* [Directions for this task] Check every line below for the string "IFCSIUNIT". Copy the ones that have it.

[Saved entries]
**********

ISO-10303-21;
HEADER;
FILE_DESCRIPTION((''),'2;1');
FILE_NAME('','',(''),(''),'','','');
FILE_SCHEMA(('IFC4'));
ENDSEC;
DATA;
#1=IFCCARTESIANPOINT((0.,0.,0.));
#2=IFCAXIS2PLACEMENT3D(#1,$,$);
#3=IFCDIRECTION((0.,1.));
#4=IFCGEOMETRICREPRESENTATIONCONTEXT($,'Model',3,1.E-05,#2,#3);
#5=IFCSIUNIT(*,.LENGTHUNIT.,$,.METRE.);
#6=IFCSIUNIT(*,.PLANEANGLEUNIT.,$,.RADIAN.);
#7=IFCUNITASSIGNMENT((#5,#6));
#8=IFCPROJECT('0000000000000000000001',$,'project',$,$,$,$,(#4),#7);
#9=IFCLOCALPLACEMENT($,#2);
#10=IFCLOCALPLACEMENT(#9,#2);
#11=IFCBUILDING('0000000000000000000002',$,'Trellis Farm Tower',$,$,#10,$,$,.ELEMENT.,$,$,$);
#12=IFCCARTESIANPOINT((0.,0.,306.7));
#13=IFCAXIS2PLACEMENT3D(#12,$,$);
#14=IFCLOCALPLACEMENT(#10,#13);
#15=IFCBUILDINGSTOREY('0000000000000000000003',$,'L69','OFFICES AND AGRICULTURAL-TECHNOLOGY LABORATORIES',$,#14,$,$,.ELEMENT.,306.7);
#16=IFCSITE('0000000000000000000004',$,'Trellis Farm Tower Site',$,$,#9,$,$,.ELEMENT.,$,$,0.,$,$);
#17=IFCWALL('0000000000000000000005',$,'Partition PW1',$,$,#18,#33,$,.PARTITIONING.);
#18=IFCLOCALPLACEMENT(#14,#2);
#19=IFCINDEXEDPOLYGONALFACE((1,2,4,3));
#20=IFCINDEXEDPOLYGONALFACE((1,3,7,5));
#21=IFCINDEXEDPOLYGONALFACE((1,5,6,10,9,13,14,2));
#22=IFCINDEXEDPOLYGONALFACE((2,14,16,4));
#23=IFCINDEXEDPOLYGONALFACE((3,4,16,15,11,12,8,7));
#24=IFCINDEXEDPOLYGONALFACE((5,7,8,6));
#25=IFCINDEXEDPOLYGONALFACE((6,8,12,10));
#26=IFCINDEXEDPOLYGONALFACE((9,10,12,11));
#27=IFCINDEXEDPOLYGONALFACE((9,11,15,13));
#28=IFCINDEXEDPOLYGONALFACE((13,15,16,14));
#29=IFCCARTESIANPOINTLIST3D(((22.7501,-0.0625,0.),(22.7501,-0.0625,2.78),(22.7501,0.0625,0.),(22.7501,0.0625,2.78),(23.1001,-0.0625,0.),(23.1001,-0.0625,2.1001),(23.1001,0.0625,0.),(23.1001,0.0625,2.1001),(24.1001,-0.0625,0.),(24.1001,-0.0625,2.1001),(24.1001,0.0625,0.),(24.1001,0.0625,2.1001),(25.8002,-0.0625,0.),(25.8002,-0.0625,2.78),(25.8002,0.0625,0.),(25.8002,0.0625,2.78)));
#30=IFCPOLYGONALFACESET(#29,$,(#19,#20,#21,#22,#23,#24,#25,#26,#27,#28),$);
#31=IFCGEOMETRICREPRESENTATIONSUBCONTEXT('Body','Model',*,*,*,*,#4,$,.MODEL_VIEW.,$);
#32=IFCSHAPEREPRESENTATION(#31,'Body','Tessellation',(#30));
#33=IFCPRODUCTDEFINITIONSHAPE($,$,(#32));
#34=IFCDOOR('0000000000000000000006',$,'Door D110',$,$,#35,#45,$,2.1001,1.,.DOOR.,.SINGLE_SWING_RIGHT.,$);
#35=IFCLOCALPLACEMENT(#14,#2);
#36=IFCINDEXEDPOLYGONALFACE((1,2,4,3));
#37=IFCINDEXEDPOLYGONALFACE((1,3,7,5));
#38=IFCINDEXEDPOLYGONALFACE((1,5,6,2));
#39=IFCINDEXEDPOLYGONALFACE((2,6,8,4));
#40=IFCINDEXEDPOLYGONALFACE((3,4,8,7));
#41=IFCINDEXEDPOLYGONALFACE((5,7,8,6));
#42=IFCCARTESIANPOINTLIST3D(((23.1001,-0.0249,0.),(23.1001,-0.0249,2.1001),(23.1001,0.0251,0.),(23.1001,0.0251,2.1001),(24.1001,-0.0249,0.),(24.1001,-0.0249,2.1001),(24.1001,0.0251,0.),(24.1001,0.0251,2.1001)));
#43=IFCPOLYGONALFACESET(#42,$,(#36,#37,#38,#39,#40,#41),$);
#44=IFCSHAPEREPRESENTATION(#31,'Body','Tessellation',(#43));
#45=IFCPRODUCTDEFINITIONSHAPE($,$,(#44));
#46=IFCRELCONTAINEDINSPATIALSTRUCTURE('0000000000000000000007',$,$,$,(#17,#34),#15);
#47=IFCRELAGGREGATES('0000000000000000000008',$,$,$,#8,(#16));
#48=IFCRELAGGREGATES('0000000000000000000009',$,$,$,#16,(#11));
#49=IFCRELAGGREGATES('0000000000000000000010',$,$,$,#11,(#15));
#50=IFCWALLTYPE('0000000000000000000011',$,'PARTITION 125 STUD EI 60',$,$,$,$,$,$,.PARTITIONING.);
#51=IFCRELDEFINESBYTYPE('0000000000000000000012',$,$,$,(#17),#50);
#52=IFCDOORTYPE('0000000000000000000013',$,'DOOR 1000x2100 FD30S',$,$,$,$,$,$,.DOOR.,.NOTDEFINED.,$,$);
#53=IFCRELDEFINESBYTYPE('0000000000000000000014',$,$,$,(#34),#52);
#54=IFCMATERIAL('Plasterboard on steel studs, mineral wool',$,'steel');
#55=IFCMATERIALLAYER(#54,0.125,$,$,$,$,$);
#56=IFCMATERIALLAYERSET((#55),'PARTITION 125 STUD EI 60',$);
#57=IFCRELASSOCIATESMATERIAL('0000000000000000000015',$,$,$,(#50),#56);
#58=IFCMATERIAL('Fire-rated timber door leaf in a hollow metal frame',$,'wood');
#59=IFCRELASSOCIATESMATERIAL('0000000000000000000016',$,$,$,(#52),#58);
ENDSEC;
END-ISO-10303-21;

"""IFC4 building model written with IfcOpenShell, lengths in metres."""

from ifc_helpers import new_model, si_unit, direction, frame, frame_2d, origin, place, context, subcontext, project, spatial, rectangle, extrude, source, transform, mapped, material, layer, layer_set, type_object, element, fill, save


model = new_model("IFC4")

# Units and contexts
model_context = context("Model", 3, precision=1e-05, world=origin(), true_north=direction((0.0, 1.0)))
body_context = subcontext(model_context, "Body", "Model", "MODEL_VIEW")
ifc_project = project(units=[si_unit("LENGTHUNIT", "METRE"), si_unit("PLANEANGLEUNIT", "RADIAN")], contexts=[model_context])

# Site, building, storey
site_placement = place(None, origin())
site = spatial("IfcSite", under=ifc_project, at=site_placement, Name="Trellis Farm Tower Site", CompositionType="ELEMENT", RefElevation=0.0)
building_placement = place(site_placement, origin())
building = spatial("IfcBuilding", under=site, at=building_placement, Name="Trellis Farm Tower", CompositionType="ELEMENT")
storey_placement = place(building_placement, frame((0.0, 0.0, 306.7)))
storey = spatial("IfcBuildingStorey", under=building, at=storey_placement, Name="L69", Description="OFFICES AND AGRICULTURAL-TECHNOLOGY LABORATORIES", CompositionType="ELEMENT", Elevation=306.7)

# Wall, opening, door
ifc_material_1 = material(Name="Plasterboard on steel studs, mineral wool", Category="steel")
ifc_layer_1 = layer(ifc_material_1, 0.125)
ifc_layer_set_1 = layer_set([ifc_layer_1], Name="PARTITION 125 STUD EI 60")
wall_type_1 = type_object("IfcWallType", Name="PARTITION 125 STUD EI 60", PredefinedType="PARTITIONING", material=ifc_layer_set_1)
shared_shape_1 = source(origin(), body_context, "Body", "SweptSolid", [
    extrude(rectangle(XDim=3.05, YDim=0.125, at=frame_2d((1.5249, 0.0))), origin(), (0.0, 0.0, 1.0), 2.78),
])
wall_1_placement = place(storey_placement, frame((25.8, 0.0, 0.0), z_axis=(0.0, 0.0, 1.0), x_axis=(-1.0, 0.0, 0.0)))
wall_1 = element("IfcWall", 1, at=wall_1_placement, inside=storey, type_object=wall_type_1, Name="Partition PW1", PredefinedType="PARTITIONING", context=body_context, shape_type="MappedRepresentation", body=[
    mapped(shared_shape_1, transform((0.0, 0.0, 0.0))),
])
shared_shape_2 = source(origin(), body_context, "Body", "SweptSolid", [
    extrude(rectangle(XDim=1.0, YDim=2.1001, at=frame_2d((0.5, 1.05))), frame((0.0, 0.0725, 0.0), z_axis=(0.0, -1.0, 0.0), x_axis=(1.0, 0.0, 0.0)), (0.0, 0.0, 1.0), 0.145),
])
opening_1_placement = place(wall_1_placement, frame((1.7, 0.0, 0.0)))
opening_1 = element("IfcOpeningElement", 2, at=opening_1_placement, cuts=wall_1, PredefinedType="OPENING", context=body_context, shape_type="MappedRepresentation", body=[
    mapped(shared_shape_2, transform((0.0, 0.0, 0.0))),
])
ifc_material_2 = material(Name="Fire-rated timber door leaf in a hollow metal frame", Category="wood")
door_type_1 = type_object("IfcDoorType", Name="DOOR 1000x2100 FD30S", OperationType="NOTDEFINED", PredefinedType="DOOR", material=ifc_material_2)
shared_shape_3 = source(origin(), body_context, "Body", "SweptSolid", [
    extrude(rectangle(XDim=1.0, YDim=2.1001, at=frame_2d((0.5, 1.05))), frame((0.0, 0.0249, 0.0), z_axis=(0.0, -1.0, 0.0), x_axis=(1.0, 0.0, 0.0)), (0.0, 0.0, 1.0), 0.05),
])
door_1_placement = place(opening_1_placement, origin())
door_1 = element("IfcDoor", 3, at=door_1_placement, inside=storey, type_object=door_type_1, Name="Door D110", OperationType="SINGLE_SWING_RIGHT", OverallHeight=2.1001, OverallWidth=1.0, PredefinedType="DOOR", context=body_context, shape_type="MappedRepresentation", body=[
    mapped(shared_shape_3, transform((0.0, 0.0, 0.0))),
])
fill(opening_1, door_1)

save(model, "model.ifc")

**********

* [Answer area]
#5=IFCSIUNIT(*,.LENGTHUNIT.,$,.METRE.);
#6=IFCSIUNIT(*,.PLANEANGLEUNIT.,$,.RADIAN.);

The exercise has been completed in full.